Segment Start: DATA RECORDS

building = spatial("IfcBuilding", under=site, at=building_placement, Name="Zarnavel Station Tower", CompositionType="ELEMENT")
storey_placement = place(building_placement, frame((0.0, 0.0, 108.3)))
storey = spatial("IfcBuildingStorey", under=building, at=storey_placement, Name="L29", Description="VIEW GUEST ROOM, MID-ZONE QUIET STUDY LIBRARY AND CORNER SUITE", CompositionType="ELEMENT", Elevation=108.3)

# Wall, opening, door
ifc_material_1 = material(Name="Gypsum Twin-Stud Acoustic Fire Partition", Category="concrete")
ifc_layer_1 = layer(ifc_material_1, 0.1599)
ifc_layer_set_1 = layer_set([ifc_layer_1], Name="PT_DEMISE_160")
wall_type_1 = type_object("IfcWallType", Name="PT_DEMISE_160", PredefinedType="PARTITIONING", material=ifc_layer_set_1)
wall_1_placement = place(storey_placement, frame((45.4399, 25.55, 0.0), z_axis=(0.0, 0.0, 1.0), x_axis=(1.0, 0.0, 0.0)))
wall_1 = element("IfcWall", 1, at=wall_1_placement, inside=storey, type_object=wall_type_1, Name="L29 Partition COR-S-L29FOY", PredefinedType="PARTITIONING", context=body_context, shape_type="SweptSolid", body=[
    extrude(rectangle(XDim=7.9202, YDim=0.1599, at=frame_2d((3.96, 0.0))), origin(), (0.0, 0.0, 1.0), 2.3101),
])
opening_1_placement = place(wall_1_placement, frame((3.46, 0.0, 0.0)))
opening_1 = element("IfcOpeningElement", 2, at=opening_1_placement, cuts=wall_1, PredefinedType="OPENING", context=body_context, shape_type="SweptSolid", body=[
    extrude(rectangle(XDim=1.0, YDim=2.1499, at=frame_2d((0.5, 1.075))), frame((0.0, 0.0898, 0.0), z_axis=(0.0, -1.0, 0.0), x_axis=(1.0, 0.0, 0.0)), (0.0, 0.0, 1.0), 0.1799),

Segment End: DATA RECORDS

Print the first line of the records above and each line after it, exactly, through the line with "Twin-Stud Acoustic Fire".

building = spatial("IfcBuilding", under=site, at=building_placement, Name="Zarnavel Station Tower", CompositionType="ELEMENT")
storey_placement = place(building_placement, frame((0.0, 0.0, 108.3)))
storey = spatial("IfcBuildingStorey", under=building, at=storey_placement, Name="L29", Description="VIEW GUEST ROOM, MID-ZONE QUIET STUDY LIBRARY AND CORNER SUITE", CompositionType="ELEMENT", Elevation=108.3)

# Wall, opening, door
ifc_material_1 = material(Name="Gypsum Twin-Stud Acoustic Fire Partition", Category="concrete")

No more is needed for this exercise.